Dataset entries

══════

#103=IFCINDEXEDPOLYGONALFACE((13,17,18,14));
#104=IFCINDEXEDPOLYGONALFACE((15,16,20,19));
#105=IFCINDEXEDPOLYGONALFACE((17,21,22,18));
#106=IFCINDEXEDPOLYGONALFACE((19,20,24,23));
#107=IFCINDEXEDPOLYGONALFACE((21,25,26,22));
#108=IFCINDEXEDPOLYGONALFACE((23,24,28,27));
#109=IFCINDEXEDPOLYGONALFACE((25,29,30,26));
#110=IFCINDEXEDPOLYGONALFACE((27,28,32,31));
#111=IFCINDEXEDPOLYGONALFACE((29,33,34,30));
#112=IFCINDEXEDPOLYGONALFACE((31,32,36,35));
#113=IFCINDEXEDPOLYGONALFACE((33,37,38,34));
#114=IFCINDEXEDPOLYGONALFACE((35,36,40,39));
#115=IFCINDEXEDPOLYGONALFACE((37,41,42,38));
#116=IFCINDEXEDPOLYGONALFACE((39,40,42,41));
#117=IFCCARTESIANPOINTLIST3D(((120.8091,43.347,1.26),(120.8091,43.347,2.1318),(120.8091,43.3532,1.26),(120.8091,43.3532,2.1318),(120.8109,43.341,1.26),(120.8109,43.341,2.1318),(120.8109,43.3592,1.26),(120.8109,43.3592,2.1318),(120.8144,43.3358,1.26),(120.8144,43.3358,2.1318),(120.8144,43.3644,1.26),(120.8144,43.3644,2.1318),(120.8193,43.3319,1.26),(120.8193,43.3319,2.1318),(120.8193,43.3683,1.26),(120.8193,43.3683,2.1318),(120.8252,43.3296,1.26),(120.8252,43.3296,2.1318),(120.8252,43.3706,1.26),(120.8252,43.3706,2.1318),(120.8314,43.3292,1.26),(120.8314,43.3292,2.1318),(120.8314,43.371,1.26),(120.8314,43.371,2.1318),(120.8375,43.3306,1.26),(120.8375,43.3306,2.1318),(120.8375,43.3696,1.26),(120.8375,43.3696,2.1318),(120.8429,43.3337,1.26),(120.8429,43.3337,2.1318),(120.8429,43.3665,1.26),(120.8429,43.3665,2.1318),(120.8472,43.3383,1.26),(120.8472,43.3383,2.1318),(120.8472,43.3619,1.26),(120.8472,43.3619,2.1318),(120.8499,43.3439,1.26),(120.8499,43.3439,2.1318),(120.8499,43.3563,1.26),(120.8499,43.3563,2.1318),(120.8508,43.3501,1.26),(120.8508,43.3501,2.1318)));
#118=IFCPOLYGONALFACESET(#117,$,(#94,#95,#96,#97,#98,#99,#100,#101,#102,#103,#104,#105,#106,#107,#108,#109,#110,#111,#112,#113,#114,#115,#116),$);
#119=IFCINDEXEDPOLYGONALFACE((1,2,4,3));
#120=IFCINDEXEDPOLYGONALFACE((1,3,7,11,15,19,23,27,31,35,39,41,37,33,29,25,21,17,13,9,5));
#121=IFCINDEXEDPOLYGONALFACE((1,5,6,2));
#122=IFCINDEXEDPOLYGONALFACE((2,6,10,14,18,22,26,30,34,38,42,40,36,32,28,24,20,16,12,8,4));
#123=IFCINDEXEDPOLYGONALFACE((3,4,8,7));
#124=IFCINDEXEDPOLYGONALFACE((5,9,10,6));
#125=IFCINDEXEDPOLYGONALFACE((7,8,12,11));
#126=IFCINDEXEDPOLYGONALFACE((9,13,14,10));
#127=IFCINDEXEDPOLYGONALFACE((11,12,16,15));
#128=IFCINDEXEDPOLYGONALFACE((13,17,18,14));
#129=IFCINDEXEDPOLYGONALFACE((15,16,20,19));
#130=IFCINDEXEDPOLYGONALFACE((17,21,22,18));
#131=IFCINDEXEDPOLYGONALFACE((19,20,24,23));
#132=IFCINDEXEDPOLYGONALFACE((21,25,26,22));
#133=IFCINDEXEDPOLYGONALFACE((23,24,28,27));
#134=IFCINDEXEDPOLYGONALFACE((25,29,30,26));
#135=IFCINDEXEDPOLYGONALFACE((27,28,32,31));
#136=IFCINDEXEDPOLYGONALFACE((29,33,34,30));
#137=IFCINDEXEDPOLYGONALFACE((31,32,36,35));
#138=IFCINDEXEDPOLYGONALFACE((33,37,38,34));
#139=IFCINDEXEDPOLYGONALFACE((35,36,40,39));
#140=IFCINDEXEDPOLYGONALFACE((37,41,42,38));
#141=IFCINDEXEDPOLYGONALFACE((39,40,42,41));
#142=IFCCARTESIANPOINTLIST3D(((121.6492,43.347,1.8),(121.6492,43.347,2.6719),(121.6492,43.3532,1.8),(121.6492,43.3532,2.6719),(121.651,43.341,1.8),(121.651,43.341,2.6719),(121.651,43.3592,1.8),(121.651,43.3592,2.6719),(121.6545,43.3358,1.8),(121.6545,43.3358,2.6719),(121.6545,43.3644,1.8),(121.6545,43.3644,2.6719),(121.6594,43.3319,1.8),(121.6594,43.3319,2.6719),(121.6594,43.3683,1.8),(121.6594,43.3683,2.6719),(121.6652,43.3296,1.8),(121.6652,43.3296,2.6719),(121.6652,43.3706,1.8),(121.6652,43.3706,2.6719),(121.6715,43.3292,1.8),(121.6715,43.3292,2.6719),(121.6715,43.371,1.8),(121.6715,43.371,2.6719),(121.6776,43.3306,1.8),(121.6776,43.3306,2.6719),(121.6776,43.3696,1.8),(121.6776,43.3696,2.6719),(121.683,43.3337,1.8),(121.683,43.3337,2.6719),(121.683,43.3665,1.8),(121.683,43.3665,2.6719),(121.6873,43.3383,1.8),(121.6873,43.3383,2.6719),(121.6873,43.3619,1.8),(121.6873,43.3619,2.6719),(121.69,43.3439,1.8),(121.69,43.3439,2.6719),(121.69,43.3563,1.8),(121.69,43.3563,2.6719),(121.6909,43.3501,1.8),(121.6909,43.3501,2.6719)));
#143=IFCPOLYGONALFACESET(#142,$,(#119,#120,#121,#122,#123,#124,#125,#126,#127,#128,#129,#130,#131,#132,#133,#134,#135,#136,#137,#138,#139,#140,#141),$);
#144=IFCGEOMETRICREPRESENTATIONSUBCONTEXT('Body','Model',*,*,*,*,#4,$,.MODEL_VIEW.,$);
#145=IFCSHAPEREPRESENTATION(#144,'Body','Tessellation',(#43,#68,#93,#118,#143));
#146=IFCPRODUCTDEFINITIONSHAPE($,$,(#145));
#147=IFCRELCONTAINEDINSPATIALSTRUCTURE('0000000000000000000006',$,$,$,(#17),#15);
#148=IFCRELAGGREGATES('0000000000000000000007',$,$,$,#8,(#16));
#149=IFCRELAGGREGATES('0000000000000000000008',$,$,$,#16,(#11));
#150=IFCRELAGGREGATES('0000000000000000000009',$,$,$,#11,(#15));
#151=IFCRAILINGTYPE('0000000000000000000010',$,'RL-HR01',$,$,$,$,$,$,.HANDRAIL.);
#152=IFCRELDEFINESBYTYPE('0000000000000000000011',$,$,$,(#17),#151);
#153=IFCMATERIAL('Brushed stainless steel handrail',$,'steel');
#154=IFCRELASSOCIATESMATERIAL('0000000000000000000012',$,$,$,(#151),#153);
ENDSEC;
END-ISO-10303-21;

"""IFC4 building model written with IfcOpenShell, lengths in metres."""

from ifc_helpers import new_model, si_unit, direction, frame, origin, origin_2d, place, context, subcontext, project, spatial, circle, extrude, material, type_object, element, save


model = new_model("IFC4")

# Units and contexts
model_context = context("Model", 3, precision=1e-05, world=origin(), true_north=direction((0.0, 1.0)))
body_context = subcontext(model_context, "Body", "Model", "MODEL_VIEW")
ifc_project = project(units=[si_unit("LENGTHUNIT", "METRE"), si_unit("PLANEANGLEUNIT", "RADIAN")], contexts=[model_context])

══════

#### Assignment
Check each line of the records for the string "IFCPOLYGONALFACESET" and copy those that have it.

#### Task answer
#118=IFCPOLYGONALFACESET(#117,$,(#94,#95,#96,#97,#98,#99,#100,#101,#102,#103,#104,#105,#106,#107,#108,#109,#110,#111,#112,#113,#114,#115,#116),$);
#143=IFCPOLYGONALFACESET(#142,$,(#119,#120,#121,#122,#123,#124,#125,#126,#127,#128,#129,#130,#131,#132,#133,#134,#135,#136,#137,#138,#139,#140,#141),$);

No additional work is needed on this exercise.